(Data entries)
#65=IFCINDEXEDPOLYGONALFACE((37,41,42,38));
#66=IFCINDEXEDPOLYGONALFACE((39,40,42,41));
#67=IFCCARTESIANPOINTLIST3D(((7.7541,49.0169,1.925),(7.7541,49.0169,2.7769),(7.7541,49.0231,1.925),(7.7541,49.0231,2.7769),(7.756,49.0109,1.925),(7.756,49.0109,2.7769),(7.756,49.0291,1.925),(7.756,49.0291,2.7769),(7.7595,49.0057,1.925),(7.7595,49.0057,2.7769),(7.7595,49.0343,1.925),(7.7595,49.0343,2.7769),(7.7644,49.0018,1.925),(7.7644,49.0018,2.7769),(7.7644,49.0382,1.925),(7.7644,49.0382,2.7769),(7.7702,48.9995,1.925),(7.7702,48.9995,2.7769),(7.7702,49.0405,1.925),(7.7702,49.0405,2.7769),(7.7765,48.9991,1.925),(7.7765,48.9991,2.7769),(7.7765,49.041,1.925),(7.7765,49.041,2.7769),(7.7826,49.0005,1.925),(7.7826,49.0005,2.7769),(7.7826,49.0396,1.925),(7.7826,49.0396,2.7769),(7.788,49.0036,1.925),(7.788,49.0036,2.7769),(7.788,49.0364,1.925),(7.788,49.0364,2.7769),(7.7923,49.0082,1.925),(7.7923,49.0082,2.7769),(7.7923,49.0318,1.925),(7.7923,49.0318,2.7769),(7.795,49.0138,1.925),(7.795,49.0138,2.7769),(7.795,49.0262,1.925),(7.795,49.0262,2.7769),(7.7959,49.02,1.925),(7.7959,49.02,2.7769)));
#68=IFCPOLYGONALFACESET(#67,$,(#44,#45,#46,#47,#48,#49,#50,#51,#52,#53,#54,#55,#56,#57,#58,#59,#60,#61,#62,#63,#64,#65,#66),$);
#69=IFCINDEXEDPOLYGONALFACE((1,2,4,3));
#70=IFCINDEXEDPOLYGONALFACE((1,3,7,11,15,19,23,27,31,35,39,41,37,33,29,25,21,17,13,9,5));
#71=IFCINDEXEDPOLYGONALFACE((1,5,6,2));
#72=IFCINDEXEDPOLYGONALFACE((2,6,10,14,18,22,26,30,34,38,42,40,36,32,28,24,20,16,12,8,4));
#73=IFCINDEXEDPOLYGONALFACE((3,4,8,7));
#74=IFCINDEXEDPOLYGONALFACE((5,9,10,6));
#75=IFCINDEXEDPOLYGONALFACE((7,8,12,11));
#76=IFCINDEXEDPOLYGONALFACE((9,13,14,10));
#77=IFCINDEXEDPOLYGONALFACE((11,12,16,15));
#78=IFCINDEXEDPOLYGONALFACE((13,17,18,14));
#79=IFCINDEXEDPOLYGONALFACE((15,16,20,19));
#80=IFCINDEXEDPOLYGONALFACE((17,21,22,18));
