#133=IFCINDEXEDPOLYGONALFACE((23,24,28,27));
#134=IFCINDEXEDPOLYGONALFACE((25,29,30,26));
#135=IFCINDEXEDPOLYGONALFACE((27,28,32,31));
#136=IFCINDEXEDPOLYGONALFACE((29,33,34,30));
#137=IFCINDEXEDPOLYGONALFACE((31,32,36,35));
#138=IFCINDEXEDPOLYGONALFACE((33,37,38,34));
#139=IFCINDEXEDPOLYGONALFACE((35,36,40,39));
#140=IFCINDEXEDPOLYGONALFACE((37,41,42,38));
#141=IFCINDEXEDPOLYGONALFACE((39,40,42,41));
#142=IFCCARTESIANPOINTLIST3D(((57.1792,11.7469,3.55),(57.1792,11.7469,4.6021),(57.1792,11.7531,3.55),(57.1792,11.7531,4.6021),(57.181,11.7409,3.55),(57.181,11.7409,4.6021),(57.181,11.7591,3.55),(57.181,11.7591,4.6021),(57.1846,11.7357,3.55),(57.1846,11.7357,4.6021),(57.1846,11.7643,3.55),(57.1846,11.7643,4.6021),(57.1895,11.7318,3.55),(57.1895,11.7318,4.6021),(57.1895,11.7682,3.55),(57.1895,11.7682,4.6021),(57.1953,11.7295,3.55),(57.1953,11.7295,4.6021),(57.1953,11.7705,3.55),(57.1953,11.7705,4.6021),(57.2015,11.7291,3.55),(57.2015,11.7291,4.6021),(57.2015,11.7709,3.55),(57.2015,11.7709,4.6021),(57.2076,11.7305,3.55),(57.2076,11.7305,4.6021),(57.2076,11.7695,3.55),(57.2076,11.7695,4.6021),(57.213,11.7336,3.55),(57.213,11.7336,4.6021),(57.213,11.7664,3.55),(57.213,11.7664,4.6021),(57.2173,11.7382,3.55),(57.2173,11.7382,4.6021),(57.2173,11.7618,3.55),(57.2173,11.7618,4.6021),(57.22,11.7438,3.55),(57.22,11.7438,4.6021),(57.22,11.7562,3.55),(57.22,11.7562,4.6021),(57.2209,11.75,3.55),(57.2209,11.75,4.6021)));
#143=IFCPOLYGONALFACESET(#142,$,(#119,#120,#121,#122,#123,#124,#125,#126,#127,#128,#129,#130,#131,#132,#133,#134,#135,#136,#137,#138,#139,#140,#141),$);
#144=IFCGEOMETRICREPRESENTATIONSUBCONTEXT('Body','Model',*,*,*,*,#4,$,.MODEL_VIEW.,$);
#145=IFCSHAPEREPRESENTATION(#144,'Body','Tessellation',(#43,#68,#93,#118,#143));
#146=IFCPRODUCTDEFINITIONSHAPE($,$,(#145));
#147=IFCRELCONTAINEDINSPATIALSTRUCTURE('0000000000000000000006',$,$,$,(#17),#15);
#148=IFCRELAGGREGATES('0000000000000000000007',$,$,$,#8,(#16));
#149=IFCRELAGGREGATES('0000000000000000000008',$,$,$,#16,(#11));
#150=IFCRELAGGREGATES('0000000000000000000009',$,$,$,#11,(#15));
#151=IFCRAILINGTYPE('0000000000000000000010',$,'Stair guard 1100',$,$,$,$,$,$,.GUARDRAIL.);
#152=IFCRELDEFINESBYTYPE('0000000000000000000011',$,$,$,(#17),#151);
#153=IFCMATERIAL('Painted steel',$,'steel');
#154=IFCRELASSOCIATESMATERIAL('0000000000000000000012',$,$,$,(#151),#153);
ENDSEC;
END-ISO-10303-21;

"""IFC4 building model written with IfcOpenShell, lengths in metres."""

Problem details:
Out of the entries above, write out only the lines between the line holding "#135=IFCINDEXEDPOLYGONALFACE((27,28,32,31));" and the line holding "#141=IFCINDEXEDPOLYGONALFACE((39,40,42,41));", inclusive, each exactly as given.

Solved problem:
#135=IFCINDEXEDPOLYGONALFACE((27,28,32,31));
#136=IFCINDEXEDPOLYGONALFACE((29,33,34,30));
#137=IFCINDEXEDPOLYGONALFACE((31,32,36,35));
#138=IFCINDEXEDPOLYGONALFACE((33,37,38,34));
#139=IFCINDEXEDPOLYGONALFACE((35,36,40,39));
#140=IFCINDEXEDPOLYGONALFACE((37,41,42,38));
#141=IFCINDEXEDPOLYGONALFACE((39,40,42,41));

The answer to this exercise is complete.